- Problem: Only the lines holding "IFCPOLYGONALFACESET" are wanted. Copy every one from the records below.

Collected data
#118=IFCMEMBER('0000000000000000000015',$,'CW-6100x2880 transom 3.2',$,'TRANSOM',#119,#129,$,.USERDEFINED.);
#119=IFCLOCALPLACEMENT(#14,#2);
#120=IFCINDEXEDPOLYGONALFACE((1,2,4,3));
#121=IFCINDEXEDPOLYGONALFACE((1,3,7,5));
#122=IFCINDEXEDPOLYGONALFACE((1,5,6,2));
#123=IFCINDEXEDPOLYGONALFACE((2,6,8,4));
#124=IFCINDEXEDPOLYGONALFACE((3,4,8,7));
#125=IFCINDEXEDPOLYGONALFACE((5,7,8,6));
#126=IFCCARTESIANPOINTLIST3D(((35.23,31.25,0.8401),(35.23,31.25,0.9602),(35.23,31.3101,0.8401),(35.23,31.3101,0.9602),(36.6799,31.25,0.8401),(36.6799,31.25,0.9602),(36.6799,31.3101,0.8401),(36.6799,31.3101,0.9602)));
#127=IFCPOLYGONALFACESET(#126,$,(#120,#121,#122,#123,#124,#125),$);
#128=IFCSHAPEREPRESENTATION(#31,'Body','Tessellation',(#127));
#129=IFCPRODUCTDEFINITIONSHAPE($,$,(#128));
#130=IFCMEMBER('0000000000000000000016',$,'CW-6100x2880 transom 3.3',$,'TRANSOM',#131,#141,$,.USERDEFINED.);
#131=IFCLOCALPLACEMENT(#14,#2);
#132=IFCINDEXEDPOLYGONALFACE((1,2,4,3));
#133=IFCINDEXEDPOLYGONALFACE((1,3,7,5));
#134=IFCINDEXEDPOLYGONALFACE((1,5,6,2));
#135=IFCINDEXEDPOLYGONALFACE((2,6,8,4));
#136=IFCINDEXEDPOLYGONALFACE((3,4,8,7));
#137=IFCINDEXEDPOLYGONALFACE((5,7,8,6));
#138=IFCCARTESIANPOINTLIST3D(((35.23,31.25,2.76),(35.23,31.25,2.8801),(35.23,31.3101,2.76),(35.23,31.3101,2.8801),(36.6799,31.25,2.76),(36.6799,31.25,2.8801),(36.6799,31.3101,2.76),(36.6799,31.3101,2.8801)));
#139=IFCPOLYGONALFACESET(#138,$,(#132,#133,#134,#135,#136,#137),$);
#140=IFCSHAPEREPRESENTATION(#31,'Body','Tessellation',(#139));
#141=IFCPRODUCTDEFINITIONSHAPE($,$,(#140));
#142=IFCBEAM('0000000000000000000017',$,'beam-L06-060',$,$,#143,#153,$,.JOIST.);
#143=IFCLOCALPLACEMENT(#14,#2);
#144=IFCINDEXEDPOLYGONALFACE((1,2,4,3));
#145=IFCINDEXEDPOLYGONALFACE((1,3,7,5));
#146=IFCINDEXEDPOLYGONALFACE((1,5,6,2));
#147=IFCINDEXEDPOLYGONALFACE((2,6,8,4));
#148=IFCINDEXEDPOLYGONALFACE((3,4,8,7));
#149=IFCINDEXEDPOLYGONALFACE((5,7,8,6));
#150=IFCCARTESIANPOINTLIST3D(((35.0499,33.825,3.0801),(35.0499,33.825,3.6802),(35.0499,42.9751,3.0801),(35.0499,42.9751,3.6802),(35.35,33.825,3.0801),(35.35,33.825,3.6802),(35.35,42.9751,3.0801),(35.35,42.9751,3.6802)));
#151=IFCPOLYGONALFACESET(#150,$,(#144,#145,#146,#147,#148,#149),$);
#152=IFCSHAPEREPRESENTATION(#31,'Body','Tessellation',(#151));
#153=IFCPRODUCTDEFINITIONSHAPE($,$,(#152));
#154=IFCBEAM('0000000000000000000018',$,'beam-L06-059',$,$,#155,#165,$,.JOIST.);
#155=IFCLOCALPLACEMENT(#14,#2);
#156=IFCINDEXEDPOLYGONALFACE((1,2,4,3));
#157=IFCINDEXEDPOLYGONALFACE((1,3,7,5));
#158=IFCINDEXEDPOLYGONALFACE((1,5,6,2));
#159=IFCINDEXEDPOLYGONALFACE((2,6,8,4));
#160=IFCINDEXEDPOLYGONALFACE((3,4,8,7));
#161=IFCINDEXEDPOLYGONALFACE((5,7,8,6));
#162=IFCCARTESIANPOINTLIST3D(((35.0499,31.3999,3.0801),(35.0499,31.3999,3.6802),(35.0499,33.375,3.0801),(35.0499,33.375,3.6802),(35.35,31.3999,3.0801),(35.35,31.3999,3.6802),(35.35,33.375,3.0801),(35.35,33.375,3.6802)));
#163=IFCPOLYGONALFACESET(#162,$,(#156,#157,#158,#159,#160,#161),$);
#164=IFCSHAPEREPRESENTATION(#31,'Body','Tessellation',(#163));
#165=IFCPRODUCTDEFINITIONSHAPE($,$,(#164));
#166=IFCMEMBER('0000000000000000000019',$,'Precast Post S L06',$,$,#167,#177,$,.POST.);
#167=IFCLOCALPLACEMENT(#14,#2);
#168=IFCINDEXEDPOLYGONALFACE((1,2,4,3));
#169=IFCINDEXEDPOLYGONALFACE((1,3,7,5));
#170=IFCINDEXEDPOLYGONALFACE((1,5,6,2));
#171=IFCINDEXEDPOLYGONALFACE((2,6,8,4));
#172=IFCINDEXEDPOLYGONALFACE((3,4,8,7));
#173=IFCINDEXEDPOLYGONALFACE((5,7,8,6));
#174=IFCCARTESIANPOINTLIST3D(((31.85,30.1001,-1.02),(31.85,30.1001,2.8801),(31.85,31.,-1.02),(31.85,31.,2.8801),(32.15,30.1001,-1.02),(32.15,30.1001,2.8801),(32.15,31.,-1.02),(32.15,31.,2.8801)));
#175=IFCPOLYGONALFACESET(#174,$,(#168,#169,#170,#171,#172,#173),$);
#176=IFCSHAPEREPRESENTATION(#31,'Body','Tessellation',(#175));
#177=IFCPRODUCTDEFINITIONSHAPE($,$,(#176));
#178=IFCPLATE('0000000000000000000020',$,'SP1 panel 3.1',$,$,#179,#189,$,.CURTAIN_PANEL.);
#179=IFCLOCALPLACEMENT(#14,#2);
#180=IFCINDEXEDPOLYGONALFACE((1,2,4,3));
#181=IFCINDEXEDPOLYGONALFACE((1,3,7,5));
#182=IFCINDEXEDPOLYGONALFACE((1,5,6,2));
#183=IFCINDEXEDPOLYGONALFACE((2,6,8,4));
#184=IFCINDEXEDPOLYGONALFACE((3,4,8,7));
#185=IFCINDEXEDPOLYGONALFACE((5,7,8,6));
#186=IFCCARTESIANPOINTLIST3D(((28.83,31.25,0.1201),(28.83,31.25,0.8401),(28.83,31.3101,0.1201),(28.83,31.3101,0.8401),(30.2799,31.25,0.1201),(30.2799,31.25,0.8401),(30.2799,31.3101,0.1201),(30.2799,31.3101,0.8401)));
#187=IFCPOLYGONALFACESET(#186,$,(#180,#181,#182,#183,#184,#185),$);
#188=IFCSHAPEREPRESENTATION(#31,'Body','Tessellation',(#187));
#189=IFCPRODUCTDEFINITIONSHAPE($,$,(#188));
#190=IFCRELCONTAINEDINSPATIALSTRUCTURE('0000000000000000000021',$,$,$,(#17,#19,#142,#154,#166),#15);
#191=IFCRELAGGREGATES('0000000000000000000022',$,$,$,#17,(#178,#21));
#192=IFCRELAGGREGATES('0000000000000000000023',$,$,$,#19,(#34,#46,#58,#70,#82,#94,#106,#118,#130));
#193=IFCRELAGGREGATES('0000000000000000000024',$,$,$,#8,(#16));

- Task answer:
#127=IFCPOLYGONALFACESET(#126,$,(#120,#121,#122,#123,#124,#125),$);
#139=IFCPOLYGONALFACESET(#138,$,(#132,#133,#134,#135,#136,#137),$);
#151=IFCPOLYGONALFACESET(#150,$,(#144,#145,#146,#147,#148,#149),$);
#163=IFCPOLYGONALFACESET(#162,$,(#156,#157,#158,#159,#160,#161),$);
#175=IFCPOLYGONALFACESET(#174,$,(#168,#169,#170,#171,#172,#173),$);
#187=IFCPOLYGONALFACESET(#186,$,(#180,#181,#182,#183,#184,#185),$);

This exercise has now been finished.